(Dataset entries)

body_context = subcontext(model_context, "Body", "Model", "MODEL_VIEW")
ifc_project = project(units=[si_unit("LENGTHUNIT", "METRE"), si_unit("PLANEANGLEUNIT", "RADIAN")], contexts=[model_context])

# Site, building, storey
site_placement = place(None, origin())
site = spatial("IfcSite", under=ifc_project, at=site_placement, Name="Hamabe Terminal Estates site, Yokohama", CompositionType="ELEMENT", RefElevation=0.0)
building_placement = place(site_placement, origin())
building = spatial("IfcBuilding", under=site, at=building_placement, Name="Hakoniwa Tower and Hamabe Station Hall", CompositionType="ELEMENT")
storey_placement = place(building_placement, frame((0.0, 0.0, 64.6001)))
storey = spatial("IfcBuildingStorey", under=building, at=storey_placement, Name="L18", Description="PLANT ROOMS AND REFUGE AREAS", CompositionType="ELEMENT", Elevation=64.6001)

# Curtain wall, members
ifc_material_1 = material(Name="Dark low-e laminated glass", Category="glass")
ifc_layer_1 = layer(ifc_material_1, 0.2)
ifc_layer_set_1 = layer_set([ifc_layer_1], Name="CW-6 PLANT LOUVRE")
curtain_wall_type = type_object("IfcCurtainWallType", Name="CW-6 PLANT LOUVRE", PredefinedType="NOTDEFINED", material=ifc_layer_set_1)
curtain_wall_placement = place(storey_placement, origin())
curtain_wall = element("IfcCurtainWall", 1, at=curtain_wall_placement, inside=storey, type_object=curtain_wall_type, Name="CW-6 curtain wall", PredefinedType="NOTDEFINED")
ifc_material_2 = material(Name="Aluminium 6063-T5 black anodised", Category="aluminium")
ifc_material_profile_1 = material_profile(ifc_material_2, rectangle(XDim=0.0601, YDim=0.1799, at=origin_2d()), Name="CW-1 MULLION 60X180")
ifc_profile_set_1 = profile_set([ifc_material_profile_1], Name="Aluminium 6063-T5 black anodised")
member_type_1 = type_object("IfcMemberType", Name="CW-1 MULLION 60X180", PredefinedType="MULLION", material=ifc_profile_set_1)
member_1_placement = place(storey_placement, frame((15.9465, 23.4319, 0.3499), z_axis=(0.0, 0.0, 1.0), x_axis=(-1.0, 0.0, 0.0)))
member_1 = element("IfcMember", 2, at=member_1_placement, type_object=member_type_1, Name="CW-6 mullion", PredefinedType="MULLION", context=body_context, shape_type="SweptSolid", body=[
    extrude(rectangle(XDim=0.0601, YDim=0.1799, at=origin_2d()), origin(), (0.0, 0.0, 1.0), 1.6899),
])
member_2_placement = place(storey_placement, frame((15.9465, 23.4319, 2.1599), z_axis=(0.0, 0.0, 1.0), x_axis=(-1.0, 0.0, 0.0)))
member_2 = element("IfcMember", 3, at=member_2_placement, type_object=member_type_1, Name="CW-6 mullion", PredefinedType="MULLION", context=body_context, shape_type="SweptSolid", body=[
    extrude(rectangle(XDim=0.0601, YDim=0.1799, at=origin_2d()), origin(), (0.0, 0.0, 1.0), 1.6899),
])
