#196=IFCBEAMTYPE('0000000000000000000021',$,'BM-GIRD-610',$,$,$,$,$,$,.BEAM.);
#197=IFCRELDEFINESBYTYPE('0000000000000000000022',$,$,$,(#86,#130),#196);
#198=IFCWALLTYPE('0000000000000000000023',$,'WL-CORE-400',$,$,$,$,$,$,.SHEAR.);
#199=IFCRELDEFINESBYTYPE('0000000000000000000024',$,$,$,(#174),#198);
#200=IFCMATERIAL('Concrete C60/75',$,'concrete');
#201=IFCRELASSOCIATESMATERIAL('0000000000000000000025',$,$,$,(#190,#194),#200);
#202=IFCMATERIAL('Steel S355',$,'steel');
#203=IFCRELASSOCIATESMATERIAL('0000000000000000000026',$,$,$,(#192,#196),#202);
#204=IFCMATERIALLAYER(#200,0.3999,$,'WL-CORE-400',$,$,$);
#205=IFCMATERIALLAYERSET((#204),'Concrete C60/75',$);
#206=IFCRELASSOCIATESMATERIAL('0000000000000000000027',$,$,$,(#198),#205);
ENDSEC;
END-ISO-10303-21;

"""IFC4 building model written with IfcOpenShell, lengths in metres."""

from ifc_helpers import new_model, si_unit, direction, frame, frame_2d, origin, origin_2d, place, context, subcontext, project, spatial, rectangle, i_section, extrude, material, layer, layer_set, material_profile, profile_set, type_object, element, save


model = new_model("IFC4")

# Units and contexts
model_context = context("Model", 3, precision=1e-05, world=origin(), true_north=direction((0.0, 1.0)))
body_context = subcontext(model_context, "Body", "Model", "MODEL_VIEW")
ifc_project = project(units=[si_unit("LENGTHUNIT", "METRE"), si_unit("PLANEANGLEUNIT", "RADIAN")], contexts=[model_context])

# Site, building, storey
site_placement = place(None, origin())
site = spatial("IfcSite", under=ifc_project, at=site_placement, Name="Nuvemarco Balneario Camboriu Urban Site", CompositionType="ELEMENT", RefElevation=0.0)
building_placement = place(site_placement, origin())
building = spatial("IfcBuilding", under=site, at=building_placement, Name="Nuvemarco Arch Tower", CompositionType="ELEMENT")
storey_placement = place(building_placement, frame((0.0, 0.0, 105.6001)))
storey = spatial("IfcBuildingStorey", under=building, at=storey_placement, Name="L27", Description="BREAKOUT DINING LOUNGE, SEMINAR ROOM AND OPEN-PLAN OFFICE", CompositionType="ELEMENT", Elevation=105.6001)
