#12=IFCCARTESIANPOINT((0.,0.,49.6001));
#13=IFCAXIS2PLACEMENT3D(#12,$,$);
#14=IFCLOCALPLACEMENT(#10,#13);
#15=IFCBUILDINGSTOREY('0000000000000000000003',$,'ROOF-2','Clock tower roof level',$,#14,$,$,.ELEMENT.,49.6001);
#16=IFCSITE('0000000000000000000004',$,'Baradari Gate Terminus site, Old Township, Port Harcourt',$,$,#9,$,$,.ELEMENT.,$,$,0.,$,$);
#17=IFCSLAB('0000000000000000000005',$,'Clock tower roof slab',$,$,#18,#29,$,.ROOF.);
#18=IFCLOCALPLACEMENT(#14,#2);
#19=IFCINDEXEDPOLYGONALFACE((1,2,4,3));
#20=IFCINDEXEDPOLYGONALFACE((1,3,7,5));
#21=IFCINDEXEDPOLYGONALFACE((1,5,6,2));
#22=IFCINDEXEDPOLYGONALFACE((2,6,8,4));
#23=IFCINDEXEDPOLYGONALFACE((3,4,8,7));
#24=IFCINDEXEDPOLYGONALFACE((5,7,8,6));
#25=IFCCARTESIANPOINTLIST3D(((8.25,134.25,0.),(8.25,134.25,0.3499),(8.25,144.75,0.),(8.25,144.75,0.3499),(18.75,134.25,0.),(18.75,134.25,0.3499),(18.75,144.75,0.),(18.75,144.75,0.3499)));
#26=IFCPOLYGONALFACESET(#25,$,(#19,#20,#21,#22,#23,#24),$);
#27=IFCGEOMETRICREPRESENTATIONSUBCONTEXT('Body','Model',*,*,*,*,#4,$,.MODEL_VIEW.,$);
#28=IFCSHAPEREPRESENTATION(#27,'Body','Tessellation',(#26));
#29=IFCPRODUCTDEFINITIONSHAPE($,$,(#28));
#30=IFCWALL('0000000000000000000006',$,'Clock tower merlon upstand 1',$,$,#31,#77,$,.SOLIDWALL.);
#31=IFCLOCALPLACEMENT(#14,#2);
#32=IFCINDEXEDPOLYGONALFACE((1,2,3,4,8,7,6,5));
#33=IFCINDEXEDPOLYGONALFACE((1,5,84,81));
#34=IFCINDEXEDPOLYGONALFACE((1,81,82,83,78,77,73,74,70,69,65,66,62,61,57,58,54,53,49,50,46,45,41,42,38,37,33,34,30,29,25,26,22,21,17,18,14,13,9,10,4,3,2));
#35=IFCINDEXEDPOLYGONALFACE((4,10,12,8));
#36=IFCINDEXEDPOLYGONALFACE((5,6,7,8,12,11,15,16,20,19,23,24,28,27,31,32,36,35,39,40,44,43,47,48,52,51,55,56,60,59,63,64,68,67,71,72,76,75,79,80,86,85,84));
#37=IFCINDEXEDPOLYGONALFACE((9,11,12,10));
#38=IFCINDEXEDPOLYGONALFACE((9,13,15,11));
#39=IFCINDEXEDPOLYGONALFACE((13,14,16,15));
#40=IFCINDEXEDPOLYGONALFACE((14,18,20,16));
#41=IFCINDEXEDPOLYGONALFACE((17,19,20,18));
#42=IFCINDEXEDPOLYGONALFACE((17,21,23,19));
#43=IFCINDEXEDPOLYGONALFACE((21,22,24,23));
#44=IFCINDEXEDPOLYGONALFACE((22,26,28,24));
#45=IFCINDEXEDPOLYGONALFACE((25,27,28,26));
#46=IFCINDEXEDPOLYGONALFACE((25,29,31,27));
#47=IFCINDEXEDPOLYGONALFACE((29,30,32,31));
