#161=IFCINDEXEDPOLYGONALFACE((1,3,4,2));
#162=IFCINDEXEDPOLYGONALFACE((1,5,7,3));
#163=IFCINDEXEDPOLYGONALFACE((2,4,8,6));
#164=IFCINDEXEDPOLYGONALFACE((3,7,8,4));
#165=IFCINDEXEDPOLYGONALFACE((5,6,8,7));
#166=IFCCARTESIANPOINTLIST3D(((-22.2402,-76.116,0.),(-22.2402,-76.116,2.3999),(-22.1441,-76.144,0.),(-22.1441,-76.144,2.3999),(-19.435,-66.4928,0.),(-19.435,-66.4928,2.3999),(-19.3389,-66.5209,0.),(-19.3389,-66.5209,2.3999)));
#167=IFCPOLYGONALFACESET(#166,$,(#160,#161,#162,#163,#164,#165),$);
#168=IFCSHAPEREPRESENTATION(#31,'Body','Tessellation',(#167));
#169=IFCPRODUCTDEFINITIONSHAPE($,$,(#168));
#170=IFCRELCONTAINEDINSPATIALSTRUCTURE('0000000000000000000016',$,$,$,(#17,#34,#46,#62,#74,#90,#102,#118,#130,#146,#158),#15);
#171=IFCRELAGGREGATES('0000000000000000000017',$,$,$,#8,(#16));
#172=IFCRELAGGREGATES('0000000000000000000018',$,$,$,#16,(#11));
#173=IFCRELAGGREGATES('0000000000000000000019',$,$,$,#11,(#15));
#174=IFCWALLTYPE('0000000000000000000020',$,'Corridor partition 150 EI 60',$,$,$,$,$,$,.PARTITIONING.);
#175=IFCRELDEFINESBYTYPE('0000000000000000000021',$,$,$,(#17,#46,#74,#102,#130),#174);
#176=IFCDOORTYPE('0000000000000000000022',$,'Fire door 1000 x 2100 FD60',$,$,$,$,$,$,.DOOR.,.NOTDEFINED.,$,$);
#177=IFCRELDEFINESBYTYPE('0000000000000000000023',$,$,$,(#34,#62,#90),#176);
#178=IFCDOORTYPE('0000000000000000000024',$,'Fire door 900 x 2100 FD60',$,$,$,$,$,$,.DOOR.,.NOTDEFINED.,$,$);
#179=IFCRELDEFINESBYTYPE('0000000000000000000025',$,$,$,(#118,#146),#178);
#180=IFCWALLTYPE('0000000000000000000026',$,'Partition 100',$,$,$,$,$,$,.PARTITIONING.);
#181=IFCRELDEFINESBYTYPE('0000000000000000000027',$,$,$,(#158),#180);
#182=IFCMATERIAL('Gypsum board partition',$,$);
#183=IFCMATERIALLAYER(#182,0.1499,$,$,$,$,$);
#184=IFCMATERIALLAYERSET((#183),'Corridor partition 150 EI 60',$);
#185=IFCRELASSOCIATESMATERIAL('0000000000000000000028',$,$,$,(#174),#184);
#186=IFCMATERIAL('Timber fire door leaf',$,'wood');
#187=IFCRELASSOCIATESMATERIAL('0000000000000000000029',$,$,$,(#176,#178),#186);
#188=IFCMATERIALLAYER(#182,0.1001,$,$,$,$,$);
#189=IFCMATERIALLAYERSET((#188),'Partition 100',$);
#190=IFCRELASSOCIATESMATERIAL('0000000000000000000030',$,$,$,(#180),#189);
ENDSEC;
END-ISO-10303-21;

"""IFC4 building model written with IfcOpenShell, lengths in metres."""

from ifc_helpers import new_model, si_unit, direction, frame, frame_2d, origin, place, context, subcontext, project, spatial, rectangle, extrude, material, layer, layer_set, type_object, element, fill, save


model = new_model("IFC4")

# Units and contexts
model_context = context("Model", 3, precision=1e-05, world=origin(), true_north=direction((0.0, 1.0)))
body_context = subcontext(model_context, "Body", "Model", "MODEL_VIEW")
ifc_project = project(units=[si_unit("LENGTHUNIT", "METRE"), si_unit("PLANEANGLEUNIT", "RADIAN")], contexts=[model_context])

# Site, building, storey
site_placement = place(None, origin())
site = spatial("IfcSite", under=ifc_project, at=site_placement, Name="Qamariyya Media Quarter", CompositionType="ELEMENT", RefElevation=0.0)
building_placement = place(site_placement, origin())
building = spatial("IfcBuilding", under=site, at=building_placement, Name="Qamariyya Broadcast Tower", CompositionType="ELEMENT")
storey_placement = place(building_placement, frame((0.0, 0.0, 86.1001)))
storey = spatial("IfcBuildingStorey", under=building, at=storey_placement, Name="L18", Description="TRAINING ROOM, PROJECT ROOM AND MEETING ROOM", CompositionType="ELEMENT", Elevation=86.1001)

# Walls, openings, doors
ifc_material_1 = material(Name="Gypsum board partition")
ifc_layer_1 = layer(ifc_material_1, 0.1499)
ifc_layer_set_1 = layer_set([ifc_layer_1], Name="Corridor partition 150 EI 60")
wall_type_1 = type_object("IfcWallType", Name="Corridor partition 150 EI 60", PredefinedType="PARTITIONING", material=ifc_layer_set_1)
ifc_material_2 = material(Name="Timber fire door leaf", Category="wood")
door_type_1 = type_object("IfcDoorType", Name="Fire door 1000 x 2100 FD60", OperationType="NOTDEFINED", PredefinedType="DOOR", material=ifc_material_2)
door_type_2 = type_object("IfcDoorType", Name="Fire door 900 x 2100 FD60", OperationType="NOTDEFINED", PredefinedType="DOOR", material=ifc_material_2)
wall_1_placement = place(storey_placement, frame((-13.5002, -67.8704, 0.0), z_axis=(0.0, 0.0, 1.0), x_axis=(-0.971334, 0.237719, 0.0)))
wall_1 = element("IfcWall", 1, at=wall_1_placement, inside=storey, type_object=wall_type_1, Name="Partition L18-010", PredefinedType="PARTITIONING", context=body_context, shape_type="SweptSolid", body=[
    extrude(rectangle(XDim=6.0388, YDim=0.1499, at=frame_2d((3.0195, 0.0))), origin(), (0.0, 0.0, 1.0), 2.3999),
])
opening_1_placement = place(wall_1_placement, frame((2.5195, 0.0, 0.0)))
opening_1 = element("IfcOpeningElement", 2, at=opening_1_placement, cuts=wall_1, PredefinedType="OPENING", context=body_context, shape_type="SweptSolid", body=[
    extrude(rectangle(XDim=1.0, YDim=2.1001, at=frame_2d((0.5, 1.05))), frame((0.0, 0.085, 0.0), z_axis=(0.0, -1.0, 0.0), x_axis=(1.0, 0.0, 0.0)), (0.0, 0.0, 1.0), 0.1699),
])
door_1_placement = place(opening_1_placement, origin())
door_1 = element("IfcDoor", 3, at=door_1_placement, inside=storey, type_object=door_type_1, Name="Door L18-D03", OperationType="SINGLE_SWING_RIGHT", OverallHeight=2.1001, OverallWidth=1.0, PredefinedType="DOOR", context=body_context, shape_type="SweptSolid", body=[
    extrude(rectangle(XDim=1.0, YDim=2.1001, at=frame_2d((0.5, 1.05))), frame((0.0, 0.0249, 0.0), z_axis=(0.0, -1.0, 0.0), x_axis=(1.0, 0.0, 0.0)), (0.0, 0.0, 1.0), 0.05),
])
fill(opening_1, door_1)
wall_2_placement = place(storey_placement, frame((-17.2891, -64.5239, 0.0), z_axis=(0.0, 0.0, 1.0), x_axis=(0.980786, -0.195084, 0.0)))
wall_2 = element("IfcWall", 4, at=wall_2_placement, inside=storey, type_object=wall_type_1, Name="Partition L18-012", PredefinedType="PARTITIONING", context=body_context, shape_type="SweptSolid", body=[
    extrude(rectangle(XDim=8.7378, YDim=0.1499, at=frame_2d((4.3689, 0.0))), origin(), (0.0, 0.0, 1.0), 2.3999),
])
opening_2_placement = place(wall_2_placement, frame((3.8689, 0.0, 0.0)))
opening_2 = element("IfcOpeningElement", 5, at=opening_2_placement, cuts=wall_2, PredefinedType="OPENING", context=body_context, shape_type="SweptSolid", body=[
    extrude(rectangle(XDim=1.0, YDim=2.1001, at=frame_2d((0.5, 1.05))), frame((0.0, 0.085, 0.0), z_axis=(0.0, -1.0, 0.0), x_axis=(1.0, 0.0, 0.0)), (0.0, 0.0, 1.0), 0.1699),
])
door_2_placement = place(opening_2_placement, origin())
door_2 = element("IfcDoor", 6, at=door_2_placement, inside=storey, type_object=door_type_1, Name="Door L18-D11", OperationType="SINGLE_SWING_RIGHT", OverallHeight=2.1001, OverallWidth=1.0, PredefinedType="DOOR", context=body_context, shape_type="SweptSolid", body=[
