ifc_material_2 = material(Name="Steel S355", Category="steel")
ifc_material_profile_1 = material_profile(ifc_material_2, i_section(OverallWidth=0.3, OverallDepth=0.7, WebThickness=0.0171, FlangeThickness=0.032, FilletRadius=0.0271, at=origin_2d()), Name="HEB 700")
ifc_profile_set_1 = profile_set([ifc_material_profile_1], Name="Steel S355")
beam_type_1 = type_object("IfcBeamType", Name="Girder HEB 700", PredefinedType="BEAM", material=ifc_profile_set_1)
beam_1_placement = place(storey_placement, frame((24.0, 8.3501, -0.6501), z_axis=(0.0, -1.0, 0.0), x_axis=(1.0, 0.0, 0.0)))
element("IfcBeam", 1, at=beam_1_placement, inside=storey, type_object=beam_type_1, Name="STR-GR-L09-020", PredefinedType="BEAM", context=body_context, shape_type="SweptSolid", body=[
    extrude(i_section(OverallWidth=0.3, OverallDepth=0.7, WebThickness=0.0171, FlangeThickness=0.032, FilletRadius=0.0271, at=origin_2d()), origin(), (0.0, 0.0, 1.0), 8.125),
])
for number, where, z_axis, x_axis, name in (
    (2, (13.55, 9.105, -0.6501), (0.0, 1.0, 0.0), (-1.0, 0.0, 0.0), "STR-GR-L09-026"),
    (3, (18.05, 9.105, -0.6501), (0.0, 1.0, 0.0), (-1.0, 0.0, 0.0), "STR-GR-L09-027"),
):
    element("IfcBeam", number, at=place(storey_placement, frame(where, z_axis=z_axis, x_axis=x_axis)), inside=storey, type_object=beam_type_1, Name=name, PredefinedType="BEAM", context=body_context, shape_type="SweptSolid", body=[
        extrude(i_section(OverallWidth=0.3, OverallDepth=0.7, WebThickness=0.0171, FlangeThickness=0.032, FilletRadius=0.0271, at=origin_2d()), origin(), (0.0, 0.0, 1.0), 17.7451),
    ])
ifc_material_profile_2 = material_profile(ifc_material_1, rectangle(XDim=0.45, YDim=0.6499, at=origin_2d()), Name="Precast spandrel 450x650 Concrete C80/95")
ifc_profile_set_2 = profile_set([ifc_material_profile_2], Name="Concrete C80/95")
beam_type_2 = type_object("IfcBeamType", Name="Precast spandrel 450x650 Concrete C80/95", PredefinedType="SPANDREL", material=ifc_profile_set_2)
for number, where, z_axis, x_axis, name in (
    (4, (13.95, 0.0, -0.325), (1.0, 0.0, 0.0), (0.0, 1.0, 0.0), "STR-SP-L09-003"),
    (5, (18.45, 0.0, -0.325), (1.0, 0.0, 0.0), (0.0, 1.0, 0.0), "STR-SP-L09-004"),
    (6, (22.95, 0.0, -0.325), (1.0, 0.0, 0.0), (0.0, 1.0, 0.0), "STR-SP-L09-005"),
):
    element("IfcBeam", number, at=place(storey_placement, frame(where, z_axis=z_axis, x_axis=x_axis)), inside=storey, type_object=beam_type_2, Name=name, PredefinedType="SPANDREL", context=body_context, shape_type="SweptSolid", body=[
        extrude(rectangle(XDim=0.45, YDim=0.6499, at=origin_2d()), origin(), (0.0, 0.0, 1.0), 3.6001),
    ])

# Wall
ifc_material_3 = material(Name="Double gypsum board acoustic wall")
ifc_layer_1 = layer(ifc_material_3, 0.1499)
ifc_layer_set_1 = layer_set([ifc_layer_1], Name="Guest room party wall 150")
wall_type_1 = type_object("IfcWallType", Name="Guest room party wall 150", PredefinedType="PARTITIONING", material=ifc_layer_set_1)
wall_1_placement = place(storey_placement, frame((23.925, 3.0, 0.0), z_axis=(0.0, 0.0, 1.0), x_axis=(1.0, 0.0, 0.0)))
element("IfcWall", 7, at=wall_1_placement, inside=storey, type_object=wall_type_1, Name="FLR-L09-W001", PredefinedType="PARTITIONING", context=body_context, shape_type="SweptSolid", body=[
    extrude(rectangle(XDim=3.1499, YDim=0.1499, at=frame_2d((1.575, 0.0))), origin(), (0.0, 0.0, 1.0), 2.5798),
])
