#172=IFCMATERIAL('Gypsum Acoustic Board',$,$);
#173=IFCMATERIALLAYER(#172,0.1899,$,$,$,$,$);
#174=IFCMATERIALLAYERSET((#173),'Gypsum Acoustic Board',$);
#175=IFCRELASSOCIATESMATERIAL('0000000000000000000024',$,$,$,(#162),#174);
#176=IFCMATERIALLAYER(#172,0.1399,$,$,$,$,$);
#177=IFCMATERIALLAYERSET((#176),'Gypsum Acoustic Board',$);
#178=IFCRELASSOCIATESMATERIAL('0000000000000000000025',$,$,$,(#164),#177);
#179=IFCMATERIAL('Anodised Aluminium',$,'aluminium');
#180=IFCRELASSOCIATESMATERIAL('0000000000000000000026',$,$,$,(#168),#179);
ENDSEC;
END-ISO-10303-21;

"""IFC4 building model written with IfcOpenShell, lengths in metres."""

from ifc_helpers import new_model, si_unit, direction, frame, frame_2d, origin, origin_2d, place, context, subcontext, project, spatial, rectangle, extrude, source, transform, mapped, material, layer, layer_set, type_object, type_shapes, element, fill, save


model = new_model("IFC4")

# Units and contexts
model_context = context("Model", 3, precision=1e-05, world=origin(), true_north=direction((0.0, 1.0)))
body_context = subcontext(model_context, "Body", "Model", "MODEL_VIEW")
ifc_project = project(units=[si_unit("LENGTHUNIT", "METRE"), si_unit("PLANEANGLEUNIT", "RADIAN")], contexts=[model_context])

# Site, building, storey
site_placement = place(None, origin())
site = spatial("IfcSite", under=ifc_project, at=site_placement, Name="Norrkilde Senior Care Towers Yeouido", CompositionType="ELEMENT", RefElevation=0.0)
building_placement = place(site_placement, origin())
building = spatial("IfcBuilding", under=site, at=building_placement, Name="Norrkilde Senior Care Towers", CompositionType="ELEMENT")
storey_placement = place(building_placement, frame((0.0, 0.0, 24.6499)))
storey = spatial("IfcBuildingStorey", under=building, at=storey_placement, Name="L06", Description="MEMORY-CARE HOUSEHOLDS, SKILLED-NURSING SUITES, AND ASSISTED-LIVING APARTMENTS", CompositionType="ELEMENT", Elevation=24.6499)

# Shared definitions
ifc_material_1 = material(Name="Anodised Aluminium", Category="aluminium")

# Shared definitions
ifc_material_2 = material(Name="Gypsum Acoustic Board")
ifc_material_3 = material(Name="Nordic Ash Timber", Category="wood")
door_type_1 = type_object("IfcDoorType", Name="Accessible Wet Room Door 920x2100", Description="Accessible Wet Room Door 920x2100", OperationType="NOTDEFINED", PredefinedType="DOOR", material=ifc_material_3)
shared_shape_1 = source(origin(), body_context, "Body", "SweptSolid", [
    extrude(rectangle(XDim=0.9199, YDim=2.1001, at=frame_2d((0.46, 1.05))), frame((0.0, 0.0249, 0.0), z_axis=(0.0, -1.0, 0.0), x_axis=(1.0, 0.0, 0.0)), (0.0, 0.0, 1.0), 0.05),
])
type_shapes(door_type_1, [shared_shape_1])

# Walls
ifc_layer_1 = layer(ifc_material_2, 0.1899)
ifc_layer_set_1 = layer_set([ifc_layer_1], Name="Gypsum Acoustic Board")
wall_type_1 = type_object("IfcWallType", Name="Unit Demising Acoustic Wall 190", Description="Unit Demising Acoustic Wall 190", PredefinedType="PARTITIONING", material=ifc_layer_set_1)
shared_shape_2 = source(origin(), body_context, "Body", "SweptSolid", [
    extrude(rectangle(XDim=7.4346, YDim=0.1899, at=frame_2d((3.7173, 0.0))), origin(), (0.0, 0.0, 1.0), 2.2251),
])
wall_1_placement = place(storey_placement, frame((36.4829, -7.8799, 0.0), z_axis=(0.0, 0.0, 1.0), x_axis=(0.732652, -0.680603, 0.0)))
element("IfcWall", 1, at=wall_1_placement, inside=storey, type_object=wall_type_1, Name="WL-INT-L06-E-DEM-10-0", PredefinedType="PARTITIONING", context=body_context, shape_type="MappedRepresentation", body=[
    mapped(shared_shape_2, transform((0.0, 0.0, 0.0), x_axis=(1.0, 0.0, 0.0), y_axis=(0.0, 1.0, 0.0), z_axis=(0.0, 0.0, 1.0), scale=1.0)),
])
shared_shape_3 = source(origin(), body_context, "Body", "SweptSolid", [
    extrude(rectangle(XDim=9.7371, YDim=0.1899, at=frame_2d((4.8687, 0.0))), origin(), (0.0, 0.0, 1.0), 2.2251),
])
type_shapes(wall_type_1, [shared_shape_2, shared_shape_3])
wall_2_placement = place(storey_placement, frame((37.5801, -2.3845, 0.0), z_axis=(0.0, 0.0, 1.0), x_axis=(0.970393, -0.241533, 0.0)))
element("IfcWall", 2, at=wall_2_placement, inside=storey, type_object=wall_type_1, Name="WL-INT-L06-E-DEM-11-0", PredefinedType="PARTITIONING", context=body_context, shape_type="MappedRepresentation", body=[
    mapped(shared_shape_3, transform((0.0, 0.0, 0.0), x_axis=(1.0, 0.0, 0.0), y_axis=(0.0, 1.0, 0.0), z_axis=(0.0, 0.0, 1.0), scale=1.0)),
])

• _WHAT IS NEEDED_: Only one stretch is wanted, so please give again exactly the lines from the start of the data through the line containing "frame((0.0, 0.0, 64.6001)))", both ends included.

• _ANSWER SPACE_:
body_context = subcontext(model_context, "Body", "Model", "MODEL_VIEW")
ifc_project = project(units=[si_unit("LENGTHUNIT", "METRE"), si_unit("PLANEANGLEUNIT", "RADIAN")], contexts=[model_context])

# Site, building, storey
site_placement = place(None, origin())
site = spatial("IfcSite", under=ifc_project, at=site_placement, Name="Hamabe Terminal Estates site, Yokohama", CompositionType="ELEMENT", RefElevation=0.0)
building_placement = place(site_placement, origin())
building = spatial("IfcBuilding", under=site, at=building_placement, Name="Hakoniwa Tower and Hamabe Station Hall", CompositionType="ELEMENT")
storey_placement = place(building_placement, frame((0.0, 0.0, 64.6001)))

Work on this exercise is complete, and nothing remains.